Data provided below:

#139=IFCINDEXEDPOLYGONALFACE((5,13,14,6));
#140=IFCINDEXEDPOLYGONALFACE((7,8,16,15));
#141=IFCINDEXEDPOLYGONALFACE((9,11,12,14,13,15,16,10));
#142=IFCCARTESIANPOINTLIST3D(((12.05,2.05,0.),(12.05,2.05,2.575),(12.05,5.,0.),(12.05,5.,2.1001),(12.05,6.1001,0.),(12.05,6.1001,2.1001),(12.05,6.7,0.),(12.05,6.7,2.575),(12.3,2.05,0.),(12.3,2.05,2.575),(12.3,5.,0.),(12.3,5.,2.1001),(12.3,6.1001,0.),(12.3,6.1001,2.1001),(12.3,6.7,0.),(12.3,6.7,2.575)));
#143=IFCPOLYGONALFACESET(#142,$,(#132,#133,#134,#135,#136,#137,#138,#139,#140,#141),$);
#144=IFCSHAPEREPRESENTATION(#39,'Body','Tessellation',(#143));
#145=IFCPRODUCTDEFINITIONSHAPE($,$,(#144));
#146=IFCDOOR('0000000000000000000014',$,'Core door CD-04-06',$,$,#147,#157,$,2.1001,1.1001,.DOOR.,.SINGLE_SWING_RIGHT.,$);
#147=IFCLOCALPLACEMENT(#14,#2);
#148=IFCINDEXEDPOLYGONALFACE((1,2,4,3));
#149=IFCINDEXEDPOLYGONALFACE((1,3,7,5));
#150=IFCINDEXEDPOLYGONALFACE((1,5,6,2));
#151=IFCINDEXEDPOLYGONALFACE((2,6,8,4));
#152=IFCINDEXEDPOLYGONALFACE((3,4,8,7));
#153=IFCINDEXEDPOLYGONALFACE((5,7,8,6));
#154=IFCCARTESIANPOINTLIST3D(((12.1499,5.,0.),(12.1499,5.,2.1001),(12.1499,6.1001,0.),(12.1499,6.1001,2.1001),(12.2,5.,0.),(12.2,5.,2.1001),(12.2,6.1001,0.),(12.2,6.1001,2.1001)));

End of Data provided.
Data provided below:

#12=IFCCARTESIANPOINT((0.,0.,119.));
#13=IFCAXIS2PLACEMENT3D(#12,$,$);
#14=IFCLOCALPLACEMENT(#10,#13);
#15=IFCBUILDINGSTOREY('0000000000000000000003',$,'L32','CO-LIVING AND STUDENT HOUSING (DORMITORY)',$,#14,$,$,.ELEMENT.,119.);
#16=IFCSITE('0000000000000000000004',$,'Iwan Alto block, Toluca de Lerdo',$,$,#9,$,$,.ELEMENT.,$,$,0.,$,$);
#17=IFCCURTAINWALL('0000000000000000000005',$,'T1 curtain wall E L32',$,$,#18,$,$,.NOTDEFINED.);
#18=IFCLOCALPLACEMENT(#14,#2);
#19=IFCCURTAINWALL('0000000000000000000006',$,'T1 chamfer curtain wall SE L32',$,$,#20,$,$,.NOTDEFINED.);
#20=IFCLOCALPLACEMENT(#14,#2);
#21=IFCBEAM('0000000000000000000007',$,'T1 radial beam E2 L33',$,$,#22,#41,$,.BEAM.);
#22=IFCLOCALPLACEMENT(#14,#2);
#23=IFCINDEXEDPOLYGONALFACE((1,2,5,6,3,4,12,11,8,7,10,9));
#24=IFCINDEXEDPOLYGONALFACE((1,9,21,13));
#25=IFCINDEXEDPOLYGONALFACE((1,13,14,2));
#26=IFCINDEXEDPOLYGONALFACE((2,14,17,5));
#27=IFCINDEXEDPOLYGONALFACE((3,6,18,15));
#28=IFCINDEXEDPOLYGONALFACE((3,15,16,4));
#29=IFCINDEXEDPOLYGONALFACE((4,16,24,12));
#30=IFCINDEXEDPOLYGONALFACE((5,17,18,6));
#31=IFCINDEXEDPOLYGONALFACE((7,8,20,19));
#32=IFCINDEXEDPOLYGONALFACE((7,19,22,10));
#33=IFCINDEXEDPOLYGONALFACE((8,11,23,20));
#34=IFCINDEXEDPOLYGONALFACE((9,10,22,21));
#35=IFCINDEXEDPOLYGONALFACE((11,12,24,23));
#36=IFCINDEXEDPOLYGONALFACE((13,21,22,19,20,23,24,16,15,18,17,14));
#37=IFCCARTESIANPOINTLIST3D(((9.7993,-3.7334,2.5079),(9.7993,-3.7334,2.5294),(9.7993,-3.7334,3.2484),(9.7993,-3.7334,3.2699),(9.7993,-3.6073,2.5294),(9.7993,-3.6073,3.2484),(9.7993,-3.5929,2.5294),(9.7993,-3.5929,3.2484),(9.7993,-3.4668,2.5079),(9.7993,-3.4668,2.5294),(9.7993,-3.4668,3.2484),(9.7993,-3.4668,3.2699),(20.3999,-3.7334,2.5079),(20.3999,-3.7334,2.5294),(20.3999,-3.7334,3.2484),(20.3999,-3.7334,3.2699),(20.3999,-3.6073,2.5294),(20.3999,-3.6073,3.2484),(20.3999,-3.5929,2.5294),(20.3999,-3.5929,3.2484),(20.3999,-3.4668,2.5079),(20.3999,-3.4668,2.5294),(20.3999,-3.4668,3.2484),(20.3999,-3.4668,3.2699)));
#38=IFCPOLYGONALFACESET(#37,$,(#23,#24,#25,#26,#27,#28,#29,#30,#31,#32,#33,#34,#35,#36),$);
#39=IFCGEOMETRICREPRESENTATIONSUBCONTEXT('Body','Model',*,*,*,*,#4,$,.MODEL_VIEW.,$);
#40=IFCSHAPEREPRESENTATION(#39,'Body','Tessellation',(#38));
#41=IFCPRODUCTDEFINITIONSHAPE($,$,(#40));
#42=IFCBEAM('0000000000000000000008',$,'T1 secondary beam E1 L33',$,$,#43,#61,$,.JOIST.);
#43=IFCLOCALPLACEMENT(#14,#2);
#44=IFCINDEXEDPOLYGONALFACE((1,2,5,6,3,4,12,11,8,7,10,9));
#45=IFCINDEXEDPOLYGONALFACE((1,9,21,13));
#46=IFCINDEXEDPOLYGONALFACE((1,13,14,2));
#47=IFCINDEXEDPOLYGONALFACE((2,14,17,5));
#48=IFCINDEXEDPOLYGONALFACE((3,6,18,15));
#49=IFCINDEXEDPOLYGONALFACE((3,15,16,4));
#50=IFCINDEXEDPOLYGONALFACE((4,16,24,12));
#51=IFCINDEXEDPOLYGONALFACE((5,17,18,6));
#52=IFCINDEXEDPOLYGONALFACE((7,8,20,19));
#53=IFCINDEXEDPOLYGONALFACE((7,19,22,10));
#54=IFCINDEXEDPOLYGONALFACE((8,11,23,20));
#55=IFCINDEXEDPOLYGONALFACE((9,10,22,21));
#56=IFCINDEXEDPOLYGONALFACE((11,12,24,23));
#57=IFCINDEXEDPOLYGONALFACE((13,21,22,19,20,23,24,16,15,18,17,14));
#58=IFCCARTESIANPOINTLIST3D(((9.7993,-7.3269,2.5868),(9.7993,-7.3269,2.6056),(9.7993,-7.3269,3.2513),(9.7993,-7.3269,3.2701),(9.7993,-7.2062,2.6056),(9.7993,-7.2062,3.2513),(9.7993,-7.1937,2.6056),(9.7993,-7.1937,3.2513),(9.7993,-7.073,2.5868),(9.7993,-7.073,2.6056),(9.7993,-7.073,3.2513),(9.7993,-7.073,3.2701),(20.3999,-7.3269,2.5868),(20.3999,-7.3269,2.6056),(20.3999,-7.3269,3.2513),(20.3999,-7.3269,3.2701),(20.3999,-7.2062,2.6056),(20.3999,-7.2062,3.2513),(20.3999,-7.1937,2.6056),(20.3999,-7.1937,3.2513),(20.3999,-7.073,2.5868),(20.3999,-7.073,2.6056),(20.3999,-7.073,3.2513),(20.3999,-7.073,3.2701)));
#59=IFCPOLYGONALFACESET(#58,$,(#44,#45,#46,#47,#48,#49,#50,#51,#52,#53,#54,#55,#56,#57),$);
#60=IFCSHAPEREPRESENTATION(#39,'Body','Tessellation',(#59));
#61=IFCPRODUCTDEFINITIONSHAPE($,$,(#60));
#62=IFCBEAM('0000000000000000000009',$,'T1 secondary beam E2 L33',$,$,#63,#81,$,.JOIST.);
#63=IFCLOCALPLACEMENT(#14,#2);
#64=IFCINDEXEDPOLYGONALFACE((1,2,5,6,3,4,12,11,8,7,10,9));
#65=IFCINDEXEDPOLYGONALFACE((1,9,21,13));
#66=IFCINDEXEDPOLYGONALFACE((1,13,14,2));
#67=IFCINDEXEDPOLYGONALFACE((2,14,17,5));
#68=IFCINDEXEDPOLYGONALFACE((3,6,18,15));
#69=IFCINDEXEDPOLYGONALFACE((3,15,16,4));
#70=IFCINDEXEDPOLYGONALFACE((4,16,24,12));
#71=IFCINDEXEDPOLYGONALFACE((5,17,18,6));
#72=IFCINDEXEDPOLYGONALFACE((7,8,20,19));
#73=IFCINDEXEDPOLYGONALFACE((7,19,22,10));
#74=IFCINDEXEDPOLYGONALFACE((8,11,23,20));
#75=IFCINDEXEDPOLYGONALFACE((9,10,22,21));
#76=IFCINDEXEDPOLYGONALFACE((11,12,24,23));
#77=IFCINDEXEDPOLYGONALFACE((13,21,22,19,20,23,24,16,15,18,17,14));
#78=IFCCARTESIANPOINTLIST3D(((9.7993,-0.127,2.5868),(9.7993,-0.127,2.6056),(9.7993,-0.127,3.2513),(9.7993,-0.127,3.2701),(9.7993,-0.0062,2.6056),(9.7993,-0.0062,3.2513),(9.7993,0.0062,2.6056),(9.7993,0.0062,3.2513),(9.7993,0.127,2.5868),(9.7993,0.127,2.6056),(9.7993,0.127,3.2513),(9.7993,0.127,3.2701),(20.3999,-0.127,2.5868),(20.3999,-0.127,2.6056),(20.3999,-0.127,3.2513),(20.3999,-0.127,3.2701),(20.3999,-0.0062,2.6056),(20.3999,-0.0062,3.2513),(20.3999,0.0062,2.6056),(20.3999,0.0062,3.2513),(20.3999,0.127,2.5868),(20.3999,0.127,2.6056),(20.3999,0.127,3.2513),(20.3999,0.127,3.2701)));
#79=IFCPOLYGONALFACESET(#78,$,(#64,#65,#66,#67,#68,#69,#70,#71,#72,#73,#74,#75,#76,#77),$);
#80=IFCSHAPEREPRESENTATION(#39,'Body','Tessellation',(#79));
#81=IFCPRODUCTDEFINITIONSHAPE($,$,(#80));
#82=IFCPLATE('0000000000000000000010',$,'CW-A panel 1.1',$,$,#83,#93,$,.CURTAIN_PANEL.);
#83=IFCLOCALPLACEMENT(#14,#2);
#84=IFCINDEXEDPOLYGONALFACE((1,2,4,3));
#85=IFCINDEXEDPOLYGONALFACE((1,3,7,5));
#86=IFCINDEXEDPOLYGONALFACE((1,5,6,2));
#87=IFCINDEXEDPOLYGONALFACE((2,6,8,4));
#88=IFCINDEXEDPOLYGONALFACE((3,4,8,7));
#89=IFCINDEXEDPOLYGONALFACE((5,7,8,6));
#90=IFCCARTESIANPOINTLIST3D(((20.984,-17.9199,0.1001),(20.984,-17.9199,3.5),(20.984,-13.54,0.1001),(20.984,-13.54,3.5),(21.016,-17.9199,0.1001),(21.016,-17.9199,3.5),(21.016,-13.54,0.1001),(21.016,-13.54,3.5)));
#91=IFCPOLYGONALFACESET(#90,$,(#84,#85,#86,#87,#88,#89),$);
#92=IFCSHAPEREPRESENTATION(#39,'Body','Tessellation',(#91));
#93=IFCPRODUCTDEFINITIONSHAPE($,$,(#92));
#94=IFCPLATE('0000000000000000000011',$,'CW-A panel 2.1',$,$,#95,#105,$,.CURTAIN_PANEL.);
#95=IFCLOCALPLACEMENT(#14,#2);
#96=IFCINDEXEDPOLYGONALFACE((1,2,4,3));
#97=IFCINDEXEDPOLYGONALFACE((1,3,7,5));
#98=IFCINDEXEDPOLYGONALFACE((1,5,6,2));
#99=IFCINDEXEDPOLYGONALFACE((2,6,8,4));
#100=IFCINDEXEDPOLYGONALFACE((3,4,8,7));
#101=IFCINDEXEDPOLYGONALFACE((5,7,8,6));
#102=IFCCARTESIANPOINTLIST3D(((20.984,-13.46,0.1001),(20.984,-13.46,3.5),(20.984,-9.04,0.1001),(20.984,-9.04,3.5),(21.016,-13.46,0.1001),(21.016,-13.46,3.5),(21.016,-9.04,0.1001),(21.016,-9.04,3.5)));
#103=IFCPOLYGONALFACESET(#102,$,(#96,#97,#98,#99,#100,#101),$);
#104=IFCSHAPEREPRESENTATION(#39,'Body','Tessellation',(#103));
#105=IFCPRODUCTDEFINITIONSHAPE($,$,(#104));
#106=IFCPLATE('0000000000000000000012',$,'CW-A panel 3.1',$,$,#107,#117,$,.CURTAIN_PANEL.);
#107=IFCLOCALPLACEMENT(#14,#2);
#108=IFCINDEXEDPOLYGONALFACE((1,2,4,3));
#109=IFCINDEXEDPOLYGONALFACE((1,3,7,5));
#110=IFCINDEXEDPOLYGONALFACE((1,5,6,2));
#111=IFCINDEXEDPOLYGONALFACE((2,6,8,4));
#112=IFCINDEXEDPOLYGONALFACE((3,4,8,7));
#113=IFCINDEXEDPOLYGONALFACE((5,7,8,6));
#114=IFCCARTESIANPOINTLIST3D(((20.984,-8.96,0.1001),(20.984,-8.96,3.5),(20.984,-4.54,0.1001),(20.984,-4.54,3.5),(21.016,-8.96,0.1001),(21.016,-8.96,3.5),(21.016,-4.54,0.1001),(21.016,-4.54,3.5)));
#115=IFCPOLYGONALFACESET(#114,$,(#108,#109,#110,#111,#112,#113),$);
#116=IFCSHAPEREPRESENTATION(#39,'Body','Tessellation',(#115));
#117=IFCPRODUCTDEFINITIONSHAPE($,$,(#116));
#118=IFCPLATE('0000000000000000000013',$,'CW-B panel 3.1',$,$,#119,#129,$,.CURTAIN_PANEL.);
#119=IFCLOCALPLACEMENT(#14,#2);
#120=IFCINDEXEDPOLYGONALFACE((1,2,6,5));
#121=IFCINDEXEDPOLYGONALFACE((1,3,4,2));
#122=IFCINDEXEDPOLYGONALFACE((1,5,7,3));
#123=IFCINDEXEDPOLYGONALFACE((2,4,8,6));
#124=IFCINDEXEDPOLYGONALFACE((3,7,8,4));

End of Data provided.

**Instructions for the task:**
Write out only the lines that run from the line containing "#104=IFCSHAPEREPRESENTATION(#39,'Body','Tessellation',(#103));" through the line containing "#124=IFCINDEXEDPOLYGONALFACE((3,7,8,4));", both included, exactly as they appear above.

**Solution to the problem:**
#104=IFCSHAPEREPRESENTATION(#39,'Body','Tessellation',(#103));
#105=IFCPRODUCTDEFINITIONSHAPE($,$,(#104));
#106=IFCPLATE('0000000000000000000012',$,'CW-A panel 3.1',$,$,#107,#117,$,.CURTAIN_PANEL.);
#107=IFCLOCALPLACEMENT(#14,#2);
#108=IFCINDEXEDPOLYGONALFACE((1,2,4,3));
#109=IFCINDEXEDPOLYGONALFACE((1,3,7,5));
#110=IFCINDEXEDPOLYGONALFACE((1,5,6,2));
#111=IFCINDEXEDPOLYGONALFACE((2,6,8,4));
#112=IFCINDEXEDPOLYGONALFACE((3,4,8,7));
#113=IFCINDEXEDPOLYGONALFACE((5,7,8,6));
#114=IFCCARTESIANPOINTLIST3D(((20.984,-8.96,0.1001),(20.984,-8.96,3.5),(20.984,-4.54,0.1001),(20.984,-4.54,3.5),(21.016,-8.96,0.1001),(21.016,-8.96,3.5),(21.016,-4.54,0.1001),(21.016,-4.54,3.5)));
#115=IFCPOLYGONALFACESET(#114,$,(#108,#109,#110,#111,#112,#113),$);
#116=IFCSHAPEREPRESENTATION(#39,'Body','Tessellation',(#115));
#117=IFCPRODUCTDEFINITIONSHAPE($,$,(#116));
#118=IFCPLATE('0000000000000000000013',$,'CW-B panel 3.1',$,$,#119,#129,$,.CURTAIN_PANEL.);
#119=IFCLOCALPLACEMENT(#14,#2);
#120=IFCINDEXEDPOLYGONALFACE((1,2,6,5));
#121=IFCINDEXEDPOLYGONALFACE((1,3,4,2));
#122=IFCINDEXEDPOLYGONALFACE((1,5,7,3));
#123=IFCINDEXEDPOLYGONALFACE((2,4,8,6));
#124=IFCINDEXEDPOLYGONALFACE((3,7,8,4));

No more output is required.